**Task objective**
From the data that follows, print exactly the lines starting at the one containing "#14=IFCLOCALPLACEMENT(#10,#13);" and ending at the one containing "#44=IFCINDEXEDPOLYGONALFACE((3,4,8,7));"; include both of them and nothing more.

**Provided information**

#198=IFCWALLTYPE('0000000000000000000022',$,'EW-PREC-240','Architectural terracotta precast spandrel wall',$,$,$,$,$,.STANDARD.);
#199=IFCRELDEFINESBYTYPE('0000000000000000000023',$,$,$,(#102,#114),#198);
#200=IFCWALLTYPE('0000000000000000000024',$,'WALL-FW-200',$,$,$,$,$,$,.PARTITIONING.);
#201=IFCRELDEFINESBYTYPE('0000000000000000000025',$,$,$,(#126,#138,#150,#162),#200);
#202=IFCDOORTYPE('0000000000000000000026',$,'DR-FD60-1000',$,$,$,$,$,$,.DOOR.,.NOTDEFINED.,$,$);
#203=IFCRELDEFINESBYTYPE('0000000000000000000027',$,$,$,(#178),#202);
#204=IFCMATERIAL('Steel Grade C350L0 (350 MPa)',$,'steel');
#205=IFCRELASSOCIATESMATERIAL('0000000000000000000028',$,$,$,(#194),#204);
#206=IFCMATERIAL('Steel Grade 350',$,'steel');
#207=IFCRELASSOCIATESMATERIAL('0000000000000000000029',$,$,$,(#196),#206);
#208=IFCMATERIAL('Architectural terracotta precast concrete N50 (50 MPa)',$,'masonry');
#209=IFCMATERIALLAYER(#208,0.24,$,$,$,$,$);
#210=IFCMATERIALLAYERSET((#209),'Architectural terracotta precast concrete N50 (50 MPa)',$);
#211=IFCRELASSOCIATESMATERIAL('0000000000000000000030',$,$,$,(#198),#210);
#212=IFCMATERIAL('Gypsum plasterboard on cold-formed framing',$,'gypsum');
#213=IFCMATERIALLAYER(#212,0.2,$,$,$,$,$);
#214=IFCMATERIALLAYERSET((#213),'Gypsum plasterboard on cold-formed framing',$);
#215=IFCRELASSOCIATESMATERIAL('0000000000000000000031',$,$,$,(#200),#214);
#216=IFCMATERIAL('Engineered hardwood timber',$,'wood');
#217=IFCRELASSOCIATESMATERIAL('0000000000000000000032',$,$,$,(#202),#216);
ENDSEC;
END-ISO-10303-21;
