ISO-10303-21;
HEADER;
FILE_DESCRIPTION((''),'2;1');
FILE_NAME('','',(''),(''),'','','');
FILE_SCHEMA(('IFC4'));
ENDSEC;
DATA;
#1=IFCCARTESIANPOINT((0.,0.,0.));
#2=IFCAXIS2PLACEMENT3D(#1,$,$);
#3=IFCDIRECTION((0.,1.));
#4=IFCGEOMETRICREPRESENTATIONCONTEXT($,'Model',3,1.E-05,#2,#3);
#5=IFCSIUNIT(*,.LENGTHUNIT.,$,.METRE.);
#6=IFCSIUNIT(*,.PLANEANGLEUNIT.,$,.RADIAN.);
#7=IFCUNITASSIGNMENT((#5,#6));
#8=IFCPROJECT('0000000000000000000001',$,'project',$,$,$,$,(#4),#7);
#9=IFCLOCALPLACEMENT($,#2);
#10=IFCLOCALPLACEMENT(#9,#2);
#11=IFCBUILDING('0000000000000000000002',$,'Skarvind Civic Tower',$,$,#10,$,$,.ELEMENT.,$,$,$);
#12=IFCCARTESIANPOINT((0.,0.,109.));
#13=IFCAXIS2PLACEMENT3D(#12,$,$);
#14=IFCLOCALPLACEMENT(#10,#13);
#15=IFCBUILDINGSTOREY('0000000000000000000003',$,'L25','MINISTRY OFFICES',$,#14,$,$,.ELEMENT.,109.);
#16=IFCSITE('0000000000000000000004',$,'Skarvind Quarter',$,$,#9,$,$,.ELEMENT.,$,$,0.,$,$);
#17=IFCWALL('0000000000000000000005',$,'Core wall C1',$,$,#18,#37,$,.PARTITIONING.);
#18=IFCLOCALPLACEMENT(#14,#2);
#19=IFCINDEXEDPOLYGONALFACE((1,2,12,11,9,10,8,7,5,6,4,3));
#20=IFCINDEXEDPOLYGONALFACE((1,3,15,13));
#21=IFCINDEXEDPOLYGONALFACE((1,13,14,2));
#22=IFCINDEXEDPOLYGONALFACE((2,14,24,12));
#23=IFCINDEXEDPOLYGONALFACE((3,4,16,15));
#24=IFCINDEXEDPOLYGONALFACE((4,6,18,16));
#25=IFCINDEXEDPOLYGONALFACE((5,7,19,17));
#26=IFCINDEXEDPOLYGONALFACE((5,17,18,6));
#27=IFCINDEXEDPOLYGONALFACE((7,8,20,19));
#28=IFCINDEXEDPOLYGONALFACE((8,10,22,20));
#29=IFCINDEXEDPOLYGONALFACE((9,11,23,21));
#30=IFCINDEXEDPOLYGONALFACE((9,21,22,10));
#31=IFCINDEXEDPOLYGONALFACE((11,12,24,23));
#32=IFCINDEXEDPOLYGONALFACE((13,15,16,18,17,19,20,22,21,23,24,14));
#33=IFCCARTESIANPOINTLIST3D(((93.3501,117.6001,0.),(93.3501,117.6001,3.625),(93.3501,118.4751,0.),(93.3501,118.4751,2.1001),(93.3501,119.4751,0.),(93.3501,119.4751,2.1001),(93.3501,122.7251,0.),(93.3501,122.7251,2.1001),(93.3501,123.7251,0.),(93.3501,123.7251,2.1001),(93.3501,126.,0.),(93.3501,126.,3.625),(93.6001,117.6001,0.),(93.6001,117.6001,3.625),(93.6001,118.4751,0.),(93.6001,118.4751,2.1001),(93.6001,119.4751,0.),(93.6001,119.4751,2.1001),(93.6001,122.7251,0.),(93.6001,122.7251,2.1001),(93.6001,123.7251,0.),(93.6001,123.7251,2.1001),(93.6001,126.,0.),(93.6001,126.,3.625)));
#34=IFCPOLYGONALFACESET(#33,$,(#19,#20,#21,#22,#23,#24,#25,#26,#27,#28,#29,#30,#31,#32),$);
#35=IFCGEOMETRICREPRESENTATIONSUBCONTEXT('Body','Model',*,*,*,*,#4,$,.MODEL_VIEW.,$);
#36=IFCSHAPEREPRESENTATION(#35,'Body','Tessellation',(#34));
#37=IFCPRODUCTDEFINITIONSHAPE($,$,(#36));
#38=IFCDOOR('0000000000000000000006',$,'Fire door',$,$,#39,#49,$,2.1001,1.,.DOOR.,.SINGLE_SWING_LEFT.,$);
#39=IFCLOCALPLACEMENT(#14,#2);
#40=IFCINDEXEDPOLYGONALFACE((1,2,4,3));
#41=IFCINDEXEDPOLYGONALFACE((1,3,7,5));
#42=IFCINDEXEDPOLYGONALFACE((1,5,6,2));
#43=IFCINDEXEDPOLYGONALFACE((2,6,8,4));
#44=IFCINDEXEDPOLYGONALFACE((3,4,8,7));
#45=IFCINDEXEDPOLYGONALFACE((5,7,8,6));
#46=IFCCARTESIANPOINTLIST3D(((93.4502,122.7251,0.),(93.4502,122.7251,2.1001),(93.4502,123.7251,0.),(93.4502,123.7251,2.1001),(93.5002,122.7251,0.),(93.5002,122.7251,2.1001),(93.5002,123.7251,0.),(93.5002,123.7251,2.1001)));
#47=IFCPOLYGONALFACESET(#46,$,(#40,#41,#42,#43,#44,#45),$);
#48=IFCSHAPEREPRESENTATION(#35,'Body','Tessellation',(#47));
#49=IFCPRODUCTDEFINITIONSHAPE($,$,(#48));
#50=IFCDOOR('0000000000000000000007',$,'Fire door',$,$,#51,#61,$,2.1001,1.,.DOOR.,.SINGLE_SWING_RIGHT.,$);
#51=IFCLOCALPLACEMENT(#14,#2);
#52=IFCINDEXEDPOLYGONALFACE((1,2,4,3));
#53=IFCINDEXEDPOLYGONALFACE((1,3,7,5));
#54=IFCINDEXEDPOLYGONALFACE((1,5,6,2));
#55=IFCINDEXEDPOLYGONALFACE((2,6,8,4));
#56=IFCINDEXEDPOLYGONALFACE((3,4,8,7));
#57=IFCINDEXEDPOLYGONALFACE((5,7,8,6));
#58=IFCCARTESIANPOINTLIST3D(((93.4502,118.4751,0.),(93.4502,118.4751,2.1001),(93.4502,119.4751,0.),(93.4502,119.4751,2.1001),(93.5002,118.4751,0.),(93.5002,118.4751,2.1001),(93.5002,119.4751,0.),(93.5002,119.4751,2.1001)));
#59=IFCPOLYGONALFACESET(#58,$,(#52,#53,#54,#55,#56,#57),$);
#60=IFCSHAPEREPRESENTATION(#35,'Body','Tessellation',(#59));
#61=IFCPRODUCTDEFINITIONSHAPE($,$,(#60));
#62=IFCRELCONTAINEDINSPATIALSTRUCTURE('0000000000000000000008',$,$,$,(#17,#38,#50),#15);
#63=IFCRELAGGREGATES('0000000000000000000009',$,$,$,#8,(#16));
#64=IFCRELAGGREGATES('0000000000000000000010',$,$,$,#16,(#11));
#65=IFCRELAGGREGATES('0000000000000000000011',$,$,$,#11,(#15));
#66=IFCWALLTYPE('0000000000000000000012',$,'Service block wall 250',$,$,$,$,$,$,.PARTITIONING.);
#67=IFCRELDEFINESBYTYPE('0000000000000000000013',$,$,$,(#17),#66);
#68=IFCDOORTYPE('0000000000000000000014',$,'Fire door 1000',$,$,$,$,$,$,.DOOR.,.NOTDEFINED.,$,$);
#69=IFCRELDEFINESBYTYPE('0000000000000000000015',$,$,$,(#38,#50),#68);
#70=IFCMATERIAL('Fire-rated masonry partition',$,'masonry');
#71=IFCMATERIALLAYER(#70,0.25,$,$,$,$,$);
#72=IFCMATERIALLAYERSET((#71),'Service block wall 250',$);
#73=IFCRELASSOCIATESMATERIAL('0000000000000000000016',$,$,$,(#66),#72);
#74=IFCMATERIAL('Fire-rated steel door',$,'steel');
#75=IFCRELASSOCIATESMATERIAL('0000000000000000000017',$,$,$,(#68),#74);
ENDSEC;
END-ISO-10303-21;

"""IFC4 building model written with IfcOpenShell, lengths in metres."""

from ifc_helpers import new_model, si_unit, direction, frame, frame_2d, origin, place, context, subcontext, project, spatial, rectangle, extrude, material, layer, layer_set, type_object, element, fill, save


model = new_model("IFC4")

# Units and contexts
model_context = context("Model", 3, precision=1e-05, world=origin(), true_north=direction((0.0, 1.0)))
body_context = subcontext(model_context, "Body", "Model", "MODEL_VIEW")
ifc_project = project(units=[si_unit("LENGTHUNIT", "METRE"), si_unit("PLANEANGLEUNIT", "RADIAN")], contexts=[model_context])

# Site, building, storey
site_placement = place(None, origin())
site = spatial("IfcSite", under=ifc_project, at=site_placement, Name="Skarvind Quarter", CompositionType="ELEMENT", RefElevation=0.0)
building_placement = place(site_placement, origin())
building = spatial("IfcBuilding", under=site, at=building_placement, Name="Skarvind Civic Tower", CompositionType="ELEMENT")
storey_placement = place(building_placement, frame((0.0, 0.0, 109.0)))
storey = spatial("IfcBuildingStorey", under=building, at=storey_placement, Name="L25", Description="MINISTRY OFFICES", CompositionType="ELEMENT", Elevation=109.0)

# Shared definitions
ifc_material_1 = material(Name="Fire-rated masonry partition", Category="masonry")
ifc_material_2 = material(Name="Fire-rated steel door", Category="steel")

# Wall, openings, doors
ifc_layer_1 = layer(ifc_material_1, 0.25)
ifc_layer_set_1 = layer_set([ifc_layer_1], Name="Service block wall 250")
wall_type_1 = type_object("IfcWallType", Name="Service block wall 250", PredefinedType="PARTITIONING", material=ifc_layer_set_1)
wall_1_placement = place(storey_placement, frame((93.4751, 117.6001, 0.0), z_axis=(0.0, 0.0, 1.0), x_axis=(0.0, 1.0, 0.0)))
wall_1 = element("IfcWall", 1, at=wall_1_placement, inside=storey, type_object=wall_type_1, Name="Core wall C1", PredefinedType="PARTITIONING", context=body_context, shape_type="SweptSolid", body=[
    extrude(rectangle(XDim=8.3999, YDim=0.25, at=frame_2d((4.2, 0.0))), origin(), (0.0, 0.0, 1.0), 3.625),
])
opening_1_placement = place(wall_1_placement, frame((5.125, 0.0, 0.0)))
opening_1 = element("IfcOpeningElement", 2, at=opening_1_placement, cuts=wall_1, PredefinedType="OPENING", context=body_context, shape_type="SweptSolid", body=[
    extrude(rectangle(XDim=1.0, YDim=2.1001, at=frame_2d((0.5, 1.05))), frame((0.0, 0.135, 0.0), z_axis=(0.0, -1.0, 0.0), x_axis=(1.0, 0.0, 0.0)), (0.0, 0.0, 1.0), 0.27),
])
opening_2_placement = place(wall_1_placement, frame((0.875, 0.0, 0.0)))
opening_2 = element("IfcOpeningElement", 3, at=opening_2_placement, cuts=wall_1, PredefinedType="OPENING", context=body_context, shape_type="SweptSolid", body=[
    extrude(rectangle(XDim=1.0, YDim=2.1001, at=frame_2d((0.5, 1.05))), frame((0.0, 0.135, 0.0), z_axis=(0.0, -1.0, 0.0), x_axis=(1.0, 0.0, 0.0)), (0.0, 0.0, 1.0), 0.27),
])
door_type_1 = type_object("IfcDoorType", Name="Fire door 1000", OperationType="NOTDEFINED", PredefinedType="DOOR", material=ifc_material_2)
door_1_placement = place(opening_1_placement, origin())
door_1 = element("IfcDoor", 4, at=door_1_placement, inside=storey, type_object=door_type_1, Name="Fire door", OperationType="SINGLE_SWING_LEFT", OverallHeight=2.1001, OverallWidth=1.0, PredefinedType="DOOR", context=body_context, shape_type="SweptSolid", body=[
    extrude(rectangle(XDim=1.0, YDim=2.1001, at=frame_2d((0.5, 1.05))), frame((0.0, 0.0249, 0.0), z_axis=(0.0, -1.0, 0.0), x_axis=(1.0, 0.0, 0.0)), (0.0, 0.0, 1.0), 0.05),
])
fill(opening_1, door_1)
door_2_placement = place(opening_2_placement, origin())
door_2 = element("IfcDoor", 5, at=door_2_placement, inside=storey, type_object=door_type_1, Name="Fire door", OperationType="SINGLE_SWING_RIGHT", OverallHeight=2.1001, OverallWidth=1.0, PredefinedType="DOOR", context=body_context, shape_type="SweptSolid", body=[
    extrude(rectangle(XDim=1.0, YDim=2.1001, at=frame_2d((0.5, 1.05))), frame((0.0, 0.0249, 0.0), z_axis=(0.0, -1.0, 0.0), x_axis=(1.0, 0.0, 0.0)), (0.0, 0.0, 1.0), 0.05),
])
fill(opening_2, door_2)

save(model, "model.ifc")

**Answer for this exercise**
#14=IFCLOCALPLACEMENT(#10,#13);
#15=IFCBUILDINGSTOREY('0000000000000000000003',$,'L25','MINISTRY OFFICES',$,#14,$,$,.ELEMENT.,109.);
#16=IFCSITE('0000000000000000000004',$,'Skarvind Quarter',$,$,#9,$,$,.ELEMENT.,$,$,0.,$,$);
#17=IFCWALL('0000000000000000000005',$,'Core wall C1',$,$,#18,#37,$,.PARTITIONING.);
#18=IFCLOCALPLACEMENT(#14,#2);
#19=IFCINDEXEDPOLYGONALFACE((1,2,12,11,9,10,8,7,5,6,4,3));
#20=IFCINDEXEDPOLYGONALFACE((1,3,15,13));
#21=IFCINDEXEDPOLYGONALFACE((1,13,14,2));
#22=IFCINDEXEDPOLYGONALFACE((2,14,24,12));
#23=IFCINDEXEDPOLYGONALFACE((3,4,16,15));
#24=IFCINDEXEDPOLYGONALFACE((4,6,18,16));
#25=IFCINDEXEDPOLYGONALFACE((5,7,19,17));
#26=IFCINDEXEDPOLYGONALFACE((5,17,18,6));
#27=IFCINDEXEDPOLYGONALFACE((7,8,20,19));
#28=IFCINDEXEDPOLYGONALFACE((8,10,22,20));
#29=IFCINDEXEDPOLYGONALFACE((9,11,23,21));
#30=IFCINDEXEDPOLYGONALFACE((9,21,22,10));
#31=IFCINDEXEDPOLYGONALFACE((11,12,24,23));
#32=IFCINDEXEDPOLYGONALFACE((13,15,16,18,17,19,20,22,21,23,24,14));
#33=IFCCARTESIANPOINTLIST3D(((93.3501,117.6001,0.),(93.3501,117.6001,3.625),(93.3501,118.4751,0.),(93.3501,118.4751,2.1001),(93.3501,119.4751,0.),(93.3501,119.4751,2.1001),(93.3501,122.7251,0.),(93.3501,122.7251,2.1001),(93.3501,123.7251,0.),(93.3501,123.7251,2.1001),(93.3501,126.,0.),(93.3501,126.,3.625),(93.6001,117.6001,0.),(93.6001,117.6001,3.625),(93.6001,118.4751,0.),(93.6001,118.4751,2.1001),(93.6001,119.4751,0.),(93.6001,119.4751,2.1001),(93.6001,122.7251,0.),(93.6001,122.7251,2.1001),(93.6001,123.7251,0.),(93.6001,123.7251,2.1001),(93.6001,126.,0.),(93.6001,126.,3.625)));
#34=IFCPOLYGONALFACESET(#33,$,(#19,#20,#21,#22,#23,#24,#25,#26,#27,#28,#29,#30,#31,#32),$);
#35=IFCGEOMETRICREPRESENTATIONSUBCONTEXT('Body','Model',*,*,*,*,#4,$,.MODEL_VIEW.,$);
#36=IFCSHAPEREPRESENTATION(#35,'Body','Tessellation',(#34));
#37=IFCPRODUCTDEFINITIONSHAPE($,$,(#36));
#38=IFCDOOR('0000000000000000000006',$,'Fire door',$,$,#39,#49,$,2.1001,1.,.DOOR.,.SINGLE_SWING_LEFT.,$);
#39=IFCLOCALPLACEMENT(#14,#2);
#40=IFCINDEXEDPOLYGONALFACE((1,2,4,3));
#41=IFCINDEXEDPOLYGONALFACE((1,3,7,5));
#42=IFCINDEXEDPOLYGONALFACE((1,5,6,2));
#43=IFCINDEXEDPOLYGONALFACE((2,6,8,4));
#44=IFCINDEXEDPOLYGONALFACE((3,4,8,7));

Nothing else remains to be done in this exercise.